(Dataset entries)
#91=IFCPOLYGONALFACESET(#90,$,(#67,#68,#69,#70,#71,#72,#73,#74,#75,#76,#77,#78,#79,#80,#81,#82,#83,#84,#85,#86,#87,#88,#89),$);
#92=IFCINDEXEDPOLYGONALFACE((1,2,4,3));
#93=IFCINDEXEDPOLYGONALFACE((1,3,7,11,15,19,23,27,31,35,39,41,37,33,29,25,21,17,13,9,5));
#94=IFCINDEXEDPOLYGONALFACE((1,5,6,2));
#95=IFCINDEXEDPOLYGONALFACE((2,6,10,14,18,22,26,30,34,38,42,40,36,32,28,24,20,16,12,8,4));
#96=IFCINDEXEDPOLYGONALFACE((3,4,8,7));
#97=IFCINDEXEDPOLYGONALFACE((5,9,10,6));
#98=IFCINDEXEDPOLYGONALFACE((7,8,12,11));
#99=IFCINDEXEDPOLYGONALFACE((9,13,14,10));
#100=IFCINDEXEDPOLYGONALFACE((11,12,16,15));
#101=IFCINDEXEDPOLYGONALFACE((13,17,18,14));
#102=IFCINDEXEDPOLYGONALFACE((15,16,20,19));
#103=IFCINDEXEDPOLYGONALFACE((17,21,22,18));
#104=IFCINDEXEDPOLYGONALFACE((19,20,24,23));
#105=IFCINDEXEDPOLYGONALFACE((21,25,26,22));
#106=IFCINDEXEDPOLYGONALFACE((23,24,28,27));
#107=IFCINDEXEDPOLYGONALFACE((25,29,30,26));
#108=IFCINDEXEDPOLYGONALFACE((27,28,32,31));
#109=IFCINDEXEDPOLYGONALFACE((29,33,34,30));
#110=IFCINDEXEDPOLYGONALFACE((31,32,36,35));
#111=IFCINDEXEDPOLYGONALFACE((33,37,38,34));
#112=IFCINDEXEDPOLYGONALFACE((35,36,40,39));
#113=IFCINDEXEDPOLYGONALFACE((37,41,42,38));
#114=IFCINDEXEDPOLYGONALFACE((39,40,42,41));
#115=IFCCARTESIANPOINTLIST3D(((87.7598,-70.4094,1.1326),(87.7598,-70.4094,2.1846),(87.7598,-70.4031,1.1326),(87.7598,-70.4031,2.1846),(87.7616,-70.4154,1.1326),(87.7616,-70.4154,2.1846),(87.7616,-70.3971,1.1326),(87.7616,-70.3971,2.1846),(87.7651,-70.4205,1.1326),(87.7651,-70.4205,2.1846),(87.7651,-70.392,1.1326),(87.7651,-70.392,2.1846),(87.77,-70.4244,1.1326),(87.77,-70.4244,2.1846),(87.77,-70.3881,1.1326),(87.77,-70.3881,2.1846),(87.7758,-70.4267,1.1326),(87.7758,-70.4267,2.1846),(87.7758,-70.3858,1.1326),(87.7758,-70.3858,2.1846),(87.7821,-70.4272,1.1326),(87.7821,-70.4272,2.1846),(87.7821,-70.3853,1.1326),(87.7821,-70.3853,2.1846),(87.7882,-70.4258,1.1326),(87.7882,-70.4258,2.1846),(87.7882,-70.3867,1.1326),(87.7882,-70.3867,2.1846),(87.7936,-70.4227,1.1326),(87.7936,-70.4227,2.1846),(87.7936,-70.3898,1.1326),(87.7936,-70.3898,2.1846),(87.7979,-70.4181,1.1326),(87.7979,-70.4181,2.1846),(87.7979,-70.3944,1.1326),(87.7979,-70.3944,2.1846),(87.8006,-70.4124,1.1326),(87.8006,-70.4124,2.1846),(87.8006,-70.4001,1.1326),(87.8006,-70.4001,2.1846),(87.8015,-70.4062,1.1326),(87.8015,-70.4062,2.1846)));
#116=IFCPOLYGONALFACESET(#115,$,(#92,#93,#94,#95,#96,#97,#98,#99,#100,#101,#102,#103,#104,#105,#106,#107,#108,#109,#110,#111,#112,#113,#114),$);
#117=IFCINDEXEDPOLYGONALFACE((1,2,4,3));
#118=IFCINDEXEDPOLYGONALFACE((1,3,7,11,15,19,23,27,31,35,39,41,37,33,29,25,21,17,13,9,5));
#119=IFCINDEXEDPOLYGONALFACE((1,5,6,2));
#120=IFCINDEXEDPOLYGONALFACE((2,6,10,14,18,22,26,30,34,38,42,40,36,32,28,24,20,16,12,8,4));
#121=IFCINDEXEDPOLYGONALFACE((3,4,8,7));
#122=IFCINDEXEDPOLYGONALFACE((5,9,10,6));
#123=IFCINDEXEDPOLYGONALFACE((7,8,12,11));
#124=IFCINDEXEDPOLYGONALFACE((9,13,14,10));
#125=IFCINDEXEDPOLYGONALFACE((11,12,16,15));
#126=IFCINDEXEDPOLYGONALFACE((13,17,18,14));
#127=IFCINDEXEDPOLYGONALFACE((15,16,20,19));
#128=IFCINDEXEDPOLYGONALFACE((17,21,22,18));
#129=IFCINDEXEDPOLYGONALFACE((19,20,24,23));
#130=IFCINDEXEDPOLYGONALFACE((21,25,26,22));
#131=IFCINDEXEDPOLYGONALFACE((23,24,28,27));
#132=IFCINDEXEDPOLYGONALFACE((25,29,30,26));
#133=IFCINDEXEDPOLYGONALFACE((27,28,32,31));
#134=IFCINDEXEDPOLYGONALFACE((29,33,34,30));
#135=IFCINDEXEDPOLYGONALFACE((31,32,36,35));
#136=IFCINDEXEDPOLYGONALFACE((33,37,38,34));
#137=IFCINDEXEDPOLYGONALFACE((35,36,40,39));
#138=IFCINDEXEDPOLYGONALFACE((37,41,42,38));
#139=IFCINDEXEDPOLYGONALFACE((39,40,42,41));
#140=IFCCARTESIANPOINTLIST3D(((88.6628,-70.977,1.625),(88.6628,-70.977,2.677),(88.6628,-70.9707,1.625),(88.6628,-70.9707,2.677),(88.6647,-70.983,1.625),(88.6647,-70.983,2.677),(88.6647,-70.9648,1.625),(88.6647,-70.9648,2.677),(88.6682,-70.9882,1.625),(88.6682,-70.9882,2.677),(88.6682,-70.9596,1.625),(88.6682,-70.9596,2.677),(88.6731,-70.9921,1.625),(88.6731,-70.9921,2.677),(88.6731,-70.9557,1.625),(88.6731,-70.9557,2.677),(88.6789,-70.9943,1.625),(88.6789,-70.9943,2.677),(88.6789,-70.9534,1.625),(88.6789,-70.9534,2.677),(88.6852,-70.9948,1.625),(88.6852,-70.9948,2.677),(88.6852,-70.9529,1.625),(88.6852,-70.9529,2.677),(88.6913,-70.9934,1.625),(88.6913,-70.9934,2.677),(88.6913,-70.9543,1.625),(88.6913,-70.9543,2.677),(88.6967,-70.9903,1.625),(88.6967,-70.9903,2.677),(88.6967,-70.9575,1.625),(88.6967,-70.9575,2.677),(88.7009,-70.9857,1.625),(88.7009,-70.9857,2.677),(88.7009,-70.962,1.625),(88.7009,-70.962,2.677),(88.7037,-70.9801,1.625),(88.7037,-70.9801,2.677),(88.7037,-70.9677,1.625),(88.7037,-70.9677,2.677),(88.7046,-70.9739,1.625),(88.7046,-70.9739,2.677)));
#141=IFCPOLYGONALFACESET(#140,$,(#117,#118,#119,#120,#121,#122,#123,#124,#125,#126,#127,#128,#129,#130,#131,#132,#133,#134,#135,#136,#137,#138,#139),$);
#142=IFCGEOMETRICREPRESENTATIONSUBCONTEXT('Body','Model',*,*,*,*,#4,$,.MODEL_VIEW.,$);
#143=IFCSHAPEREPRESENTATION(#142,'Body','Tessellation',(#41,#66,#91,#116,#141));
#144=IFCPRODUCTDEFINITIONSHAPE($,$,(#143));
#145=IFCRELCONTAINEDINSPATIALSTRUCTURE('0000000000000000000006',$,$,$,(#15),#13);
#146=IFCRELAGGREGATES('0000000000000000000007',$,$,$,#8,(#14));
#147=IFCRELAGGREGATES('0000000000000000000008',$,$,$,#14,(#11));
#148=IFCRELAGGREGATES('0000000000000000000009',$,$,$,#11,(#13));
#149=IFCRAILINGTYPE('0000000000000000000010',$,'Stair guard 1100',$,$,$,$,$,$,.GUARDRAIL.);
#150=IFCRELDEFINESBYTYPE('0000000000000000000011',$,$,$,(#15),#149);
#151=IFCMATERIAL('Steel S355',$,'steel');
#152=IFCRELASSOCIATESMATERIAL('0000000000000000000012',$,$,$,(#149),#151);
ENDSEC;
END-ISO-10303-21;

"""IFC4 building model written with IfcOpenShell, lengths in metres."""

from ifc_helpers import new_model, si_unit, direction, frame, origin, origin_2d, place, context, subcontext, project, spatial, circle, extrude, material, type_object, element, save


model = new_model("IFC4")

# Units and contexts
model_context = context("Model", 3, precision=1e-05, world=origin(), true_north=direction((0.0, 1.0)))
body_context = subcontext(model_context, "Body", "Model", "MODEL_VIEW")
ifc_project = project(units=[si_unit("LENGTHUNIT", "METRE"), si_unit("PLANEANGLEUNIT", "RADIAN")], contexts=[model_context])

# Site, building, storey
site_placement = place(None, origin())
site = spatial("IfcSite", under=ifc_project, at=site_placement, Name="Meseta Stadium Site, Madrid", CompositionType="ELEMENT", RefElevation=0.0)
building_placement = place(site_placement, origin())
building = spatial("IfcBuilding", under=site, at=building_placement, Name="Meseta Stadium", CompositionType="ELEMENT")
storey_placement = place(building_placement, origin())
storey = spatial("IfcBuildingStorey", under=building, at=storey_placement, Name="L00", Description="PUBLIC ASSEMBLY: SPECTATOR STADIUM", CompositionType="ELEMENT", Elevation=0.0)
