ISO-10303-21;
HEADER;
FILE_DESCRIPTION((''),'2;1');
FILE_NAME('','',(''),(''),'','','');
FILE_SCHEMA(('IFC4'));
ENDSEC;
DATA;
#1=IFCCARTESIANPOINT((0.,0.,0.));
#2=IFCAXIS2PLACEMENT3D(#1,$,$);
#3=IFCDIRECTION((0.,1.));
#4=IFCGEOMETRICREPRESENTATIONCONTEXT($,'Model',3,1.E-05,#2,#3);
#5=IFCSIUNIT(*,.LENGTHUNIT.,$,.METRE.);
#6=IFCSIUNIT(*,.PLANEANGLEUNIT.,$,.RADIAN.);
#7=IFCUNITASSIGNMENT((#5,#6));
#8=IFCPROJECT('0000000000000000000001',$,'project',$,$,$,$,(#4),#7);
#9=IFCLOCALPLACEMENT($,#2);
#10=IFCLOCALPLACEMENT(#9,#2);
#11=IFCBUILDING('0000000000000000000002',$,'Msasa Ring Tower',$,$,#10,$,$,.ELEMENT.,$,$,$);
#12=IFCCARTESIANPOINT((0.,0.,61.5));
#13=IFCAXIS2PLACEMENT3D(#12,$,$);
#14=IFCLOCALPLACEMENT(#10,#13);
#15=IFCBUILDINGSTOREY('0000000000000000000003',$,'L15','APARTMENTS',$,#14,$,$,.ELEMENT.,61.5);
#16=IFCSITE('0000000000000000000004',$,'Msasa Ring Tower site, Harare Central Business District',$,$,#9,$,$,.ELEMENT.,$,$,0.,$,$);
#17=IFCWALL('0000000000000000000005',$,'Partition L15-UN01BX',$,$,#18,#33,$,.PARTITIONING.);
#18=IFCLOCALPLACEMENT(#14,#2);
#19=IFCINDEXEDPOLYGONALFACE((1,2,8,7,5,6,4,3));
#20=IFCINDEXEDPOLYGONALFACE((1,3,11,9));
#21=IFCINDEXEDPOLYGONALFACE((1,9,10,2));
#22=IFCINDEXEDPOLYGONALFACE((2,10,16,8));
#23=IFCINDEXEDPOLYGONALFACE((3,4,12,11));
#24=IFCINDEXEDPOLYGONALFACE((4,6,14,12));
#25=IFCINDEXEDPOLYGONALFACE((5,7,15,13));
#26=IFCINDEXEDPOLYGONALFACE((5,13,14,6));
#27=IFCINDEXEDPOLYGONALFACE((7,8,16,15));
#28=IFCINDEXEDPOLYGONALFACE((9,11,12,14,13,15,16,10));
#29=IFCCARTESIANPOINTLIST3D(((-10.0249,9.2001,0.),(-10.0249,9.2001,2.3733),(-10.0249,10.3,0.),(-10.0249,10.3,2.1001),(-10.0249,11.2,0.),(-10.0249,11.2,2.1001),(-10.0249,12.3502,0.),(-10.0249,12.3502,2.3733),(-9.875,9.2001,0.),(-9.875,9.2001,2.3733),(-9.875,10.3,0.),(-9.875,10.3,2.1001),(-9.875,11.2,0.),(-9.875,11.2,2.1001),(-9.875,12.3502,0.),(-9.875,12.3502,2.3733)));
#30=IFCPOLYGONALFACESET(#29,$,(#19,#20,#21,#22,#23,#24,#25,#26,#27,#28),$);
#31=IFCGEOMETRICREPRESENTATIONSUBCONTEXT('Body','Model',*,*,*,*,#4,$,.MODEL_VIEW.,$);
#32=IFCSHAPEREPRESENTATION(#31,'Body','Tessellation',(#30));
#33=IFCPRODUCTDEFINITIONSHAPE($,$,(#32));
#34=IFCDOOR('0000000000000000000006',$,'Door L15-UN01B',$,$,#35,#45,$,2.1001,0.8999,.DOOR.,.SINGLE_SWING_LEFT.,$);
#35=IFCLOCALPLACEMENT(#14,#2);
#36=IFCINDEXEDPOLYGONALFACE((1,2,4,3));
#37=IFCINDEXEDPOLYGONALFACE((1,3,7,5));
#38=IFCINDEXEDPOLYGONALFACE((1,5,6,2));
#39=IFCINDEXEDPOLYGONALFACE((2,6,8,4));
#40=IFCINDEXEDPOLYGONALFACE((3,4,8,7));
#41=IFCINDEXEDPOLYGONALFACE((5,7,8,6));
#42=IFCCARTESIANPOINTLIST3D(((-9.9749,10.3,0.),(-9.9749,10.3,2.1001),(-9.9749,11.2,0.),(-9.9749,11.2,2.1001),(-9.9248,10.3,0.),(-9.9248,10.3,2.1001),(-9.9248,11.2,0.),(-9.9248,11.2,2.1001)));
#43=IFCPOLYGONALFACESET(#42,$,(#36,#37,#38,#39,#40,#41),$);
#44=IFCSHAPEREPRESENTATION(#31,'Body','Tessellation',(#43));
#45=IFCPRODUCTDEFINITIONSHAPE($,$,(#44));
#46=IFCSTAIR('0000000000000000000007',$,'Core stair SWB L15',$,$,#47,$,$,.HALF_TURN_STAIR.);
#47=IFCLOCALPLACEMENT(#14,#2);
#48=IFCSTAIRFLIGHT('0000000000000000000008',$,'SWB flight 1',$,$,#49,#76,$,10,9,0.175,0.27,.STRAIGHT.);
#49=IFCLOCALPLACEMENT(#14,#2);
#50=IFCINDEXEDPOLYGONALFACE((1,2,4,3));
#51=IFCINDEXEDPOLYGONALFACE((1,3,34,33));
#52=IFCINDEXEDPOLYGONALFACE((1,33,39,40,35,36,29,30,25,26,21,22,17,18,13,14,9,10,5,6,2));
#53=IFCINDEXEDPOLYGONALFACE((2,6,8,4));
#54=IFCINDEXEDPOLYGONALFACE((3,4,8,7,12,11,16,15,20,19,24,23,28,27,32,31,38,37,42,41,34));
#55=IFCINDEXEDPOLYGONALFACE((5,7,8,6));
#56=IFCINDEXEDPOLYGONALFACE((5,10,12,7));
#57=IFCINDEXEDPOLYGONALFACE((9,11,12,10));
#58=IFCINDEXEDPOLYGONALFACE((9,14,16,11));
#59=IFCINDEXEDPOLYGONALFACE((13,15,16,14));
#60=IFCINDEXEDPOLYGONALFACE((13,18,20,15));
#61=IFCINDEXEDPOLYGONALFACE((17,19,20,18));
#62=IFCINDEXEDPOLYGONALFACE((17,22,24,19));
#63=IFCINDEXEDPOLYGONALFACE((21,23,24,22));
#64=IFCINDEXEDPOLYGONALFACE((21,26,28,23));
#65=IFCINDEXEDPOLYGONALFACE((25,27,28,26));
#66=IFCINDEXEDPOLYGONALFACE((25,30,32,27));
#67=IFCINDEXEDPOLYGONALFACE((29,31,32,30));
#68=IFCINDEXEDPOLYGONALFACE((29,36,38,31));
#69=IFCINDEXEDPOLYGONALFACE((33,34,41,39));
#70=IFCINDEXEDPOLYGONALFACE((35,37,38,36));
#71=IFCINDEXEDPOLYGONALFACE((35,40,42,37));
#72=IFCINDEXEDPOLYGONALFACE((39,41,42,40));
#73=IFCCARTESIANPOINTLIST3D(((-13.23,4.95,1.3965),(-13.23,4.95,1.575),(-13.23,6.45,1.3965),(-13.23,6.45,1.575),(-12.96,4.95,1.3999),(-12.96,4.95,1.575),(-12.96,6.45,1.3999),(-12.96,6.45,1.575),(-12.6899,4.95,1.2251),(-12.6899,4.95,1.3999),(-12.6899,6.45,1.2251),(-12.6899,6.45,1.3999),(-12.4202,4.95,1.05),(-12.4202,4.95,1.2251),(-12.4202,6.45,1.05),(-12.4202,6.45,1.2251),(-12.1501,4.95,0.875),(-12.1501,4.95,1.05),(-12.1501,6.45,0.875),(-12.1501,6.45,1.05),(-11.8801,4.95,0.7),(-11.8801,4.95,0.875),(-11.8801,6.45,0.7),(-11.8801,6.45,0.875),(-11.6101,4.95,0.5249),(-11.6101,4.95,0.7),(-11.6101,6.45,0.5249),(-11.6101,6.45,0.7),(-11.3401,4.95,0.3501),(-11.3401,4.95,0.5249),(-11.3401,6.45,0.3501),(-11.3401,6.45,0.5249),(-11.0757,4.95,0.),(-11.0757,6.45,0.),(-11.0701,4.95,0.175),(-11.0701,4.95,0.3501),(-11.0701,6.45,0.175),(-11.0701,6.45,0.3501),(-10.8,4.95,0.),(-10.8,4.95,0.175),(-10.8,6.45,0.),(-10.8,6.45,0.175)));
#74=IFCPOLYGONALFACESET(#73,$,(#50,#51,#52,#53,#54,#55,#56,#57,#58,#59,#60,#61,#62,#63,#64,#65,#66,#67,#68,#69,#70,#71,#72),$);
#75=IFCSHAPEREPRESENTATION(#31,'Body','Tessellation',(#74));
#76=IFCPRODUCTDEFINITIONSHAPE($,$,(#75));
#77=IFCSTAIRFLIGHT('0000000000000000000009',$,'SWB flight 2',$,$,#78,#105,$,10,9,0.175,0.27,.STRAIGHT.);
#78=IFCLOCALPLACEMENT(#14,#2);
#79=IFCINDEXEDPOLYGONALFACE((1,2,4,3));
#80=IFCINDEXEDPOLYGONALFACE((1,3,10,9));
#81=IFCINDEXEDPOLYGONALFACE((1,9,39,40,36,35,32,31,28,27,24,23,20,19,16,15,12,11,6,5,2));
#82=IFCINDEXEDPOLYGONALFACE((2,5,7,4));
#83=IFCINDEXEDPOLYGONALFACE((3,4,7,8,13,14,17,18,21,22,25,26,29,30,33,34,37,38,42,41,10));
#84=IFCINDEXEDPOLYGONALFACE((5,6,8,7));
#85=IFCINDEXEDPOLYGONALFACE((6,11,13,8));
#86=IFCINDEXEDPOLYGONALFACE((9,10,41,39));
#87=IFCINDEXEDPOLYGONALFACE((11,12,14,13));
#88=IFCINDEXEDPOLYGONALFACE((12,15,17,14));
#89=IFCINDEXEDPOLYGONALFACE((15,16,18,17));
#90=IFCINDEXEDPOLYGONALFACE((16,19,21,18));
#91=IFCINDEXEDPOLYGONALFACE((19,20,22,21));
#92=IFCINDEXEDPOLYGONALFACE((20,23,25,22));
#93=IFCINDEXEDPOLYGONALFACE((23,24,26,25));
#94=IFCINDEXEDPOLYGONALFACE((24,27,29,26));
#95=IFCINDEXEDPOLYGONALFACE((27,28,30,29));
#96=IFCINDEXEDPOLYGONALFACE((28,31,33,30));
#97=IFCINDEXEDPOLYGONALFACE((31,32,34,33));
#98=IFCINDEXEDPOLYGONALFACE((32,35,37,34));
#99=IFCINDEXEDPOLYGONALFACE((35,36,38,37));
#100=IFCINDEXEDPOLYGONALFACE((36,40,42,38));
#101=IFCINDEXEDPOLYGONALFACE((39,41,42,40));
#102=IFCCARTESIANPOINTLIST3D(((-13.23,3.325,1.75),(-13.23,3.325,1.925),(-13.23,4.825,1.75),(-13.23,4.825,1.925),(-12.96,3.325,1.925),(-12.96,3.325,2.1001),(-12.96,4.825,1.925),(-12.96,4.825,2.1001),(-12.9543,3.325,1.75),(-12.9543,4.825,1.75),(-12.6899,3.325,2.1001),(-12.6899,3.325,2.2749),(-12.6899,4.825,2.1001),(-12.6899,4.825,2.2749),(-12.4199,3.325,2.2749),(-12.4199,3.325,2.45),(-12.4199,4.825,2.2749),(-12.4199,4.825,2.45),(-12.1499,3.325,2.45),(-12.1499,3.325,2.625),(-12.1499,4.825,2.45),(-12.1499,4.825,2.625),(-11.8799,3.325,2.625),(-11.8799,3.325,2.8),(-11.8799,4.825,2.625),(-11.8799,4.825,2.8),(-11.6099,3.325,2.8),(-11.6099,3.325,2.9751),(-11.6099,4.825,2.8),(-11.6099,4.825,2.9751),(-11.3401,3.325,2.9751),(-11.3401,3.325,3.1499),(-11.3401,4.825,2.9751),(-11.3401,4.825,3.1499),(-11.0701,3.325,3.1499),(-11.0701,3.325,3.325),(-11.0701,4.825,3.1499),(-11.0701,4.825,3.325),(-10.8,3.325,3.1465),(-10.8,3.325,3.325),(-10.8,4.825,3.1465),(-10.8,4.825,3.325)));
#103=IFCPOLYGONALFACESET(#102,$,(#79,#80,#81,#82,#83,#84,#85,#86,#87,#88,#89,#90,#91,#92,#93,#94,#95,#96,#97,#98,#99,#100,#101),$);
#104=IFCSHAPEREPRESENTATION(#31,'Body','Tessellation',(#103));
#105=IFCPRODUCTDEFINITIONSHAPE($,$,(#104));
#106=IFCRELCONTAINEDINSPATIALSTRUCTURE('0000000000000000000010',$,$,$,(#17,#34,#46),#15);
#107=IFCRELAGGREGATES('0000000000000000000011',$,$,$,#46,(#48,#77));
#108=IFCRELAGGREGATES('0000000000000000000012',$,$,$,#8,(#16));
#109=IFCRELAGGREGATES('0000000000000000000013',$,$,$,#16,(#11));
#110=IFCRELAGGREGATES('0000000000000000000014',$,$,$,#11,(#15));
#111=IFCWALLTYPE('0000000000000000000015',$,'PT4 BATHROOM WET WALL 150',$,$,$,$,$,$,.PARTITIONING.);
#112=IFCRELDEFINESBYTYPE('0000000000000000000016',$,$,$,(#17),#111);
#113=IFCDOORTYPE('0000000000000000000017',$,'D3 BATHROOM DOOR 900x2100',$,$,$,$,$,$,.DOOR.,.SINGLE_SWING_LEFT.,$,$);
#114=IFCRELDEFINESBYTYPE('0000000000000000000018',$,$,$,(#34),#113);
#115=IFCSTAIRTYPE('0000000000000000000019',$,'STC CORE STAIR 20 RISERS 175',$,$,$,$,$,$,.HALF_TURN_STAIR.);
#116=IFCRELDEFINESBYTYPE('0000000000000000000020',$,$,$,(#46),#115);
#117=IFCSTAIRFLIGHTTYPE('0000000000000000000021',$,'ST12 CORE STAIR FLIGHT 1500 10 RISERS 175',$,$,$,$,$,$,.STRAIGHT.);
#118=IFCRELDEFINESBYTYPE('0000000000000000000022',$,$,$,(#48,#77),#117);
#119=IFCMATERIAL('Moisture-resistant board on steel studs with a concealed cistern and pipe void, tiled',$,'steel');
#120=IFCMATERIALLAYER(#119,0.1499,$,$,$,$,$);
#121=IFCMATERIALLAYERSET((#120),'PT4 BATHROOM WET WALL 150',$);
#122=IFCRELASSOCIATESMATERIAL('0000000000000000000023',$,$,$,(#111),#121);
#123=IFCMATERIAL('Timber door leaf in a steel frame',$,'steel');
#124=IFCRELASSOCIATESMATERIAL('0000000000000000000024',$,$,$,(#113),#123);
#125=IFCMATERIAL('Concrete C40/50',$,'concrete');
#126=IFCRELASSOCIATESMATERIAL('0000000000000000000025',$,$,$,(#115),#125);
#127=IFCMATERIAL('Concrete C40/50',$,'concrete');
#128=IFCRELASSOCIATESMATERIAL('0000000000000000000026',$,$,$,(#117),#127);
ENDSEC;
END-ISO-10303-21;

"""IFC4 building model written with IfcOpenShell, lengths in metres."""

from ifc_helpers import new_model, si_unit, direction, frame, frame_2d, origin, place, context, subcontext, project, spatial, polyline, rectangle, outline, extrude, material, layer, layer_set, type_object, element, fill, aggregate, save


model = new_model("IFC4")

# Units and contexts
model_context = context("Model", 3, precision=1e-05, world=origin(), true_north=direction((0.0, 1.0)))
body_context = subcontext(model_context, "Body", "Model", "MODEL_VIEW")
ifc_project = project(units=[si_unit("LENGTHUNIT", "METRE"), si_unit("PLANEANGLEUNIT", "RADIAN")], contexts=[model_context])

# Site, building, storey
site_placement = place(None, origin())
site = spatial("IfcSite", under=ifc_project, at=site_placement, Name="Msasa Ring Tower site, Harare Central Business District", CompositionType="ELEMENT", RefElevation=0.0)
building_placement = place(site_placement, origin())
building = spatial("IfcBuilding", under=site, at=building_placement, Name="Msasa Ring Tower", CompositionType="ELEMENT")
storey_placement = place(building_placement, frame((0.0, 0.0, 61.5)))
storey = spatial("IfcBuildingStorey", under=building, at=storey_placement, Name="L15", Description="APARTMENTS", CompositionType="ELEMENT", Elevation=61.5)

# Wall, opening, door
ifc_material_1 = material(Name="Moisture-resistant board on steel studs with a concealed cistern and pipe void, tiled", Category="steel")
ifc_layer_1 = layer(ifc_material_1, 0.1499)
ifc_layer_set_1 = layer_set([ifc_layer_1], Name="PT4 BATHROOM WET WALL 150")
wall_type_1 = type_object("IfcWallType", Name="PT4 BATHROOM WET WALL 150", PredefinedType="PARTITIONING", material=ifc_layer_set_1)
ifc_material_2 = material(Name="Timber door leaf in a steel frame", Category="steel")
door_type_1 = type_object("IfcDoorType", Name="D3 BATHROOM DOOR 900x2100", OperationType="SINGLE_SWING_LEFT", PredefinedType="DOOR", material=ifc_material_2)
wall_1_placement = place(storey_placement, frame((-9.95, 9.2, 0.0), z_axis=(0.0, 0.0, 1.0), x_axis=(0.0, 1.0, 0.0)))
wall_1 = element("IfcWall", 1, at=wall_1_placement, inside=storey, type_object=wall_type_1, Name="Partition L15-UN01BX", PredefinedType="PARTITIONING", context=body_context, shape_type="SweptSolid", body=[
    extrude(rectangle(XDim=3.1501, YDim=0.1499, at=frame_2d((1.5752, 0.0))), origin(), (0.0, 0.0, 1.0), 2.3733),
])
opening_1_placement = place(wall_1_placement, frame((1.1001, 0.0, 0.0)))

### Work request
Where does the string "IFCRELCONTAINEDINSPATIALSTRUCTURE" appear in the records above? Show every line that holds it.

### Output for this exercise
#145=IFCRELCONTAINEDINSPATIALSTRUCTURE('0000000000000000000006',$,$,$,(#15),#13);
#106=IFCRELCONTAINEDINSPATIALSTRUCTURE('0000000000000000000010',$,$,$,(#17,#34,#46),#15);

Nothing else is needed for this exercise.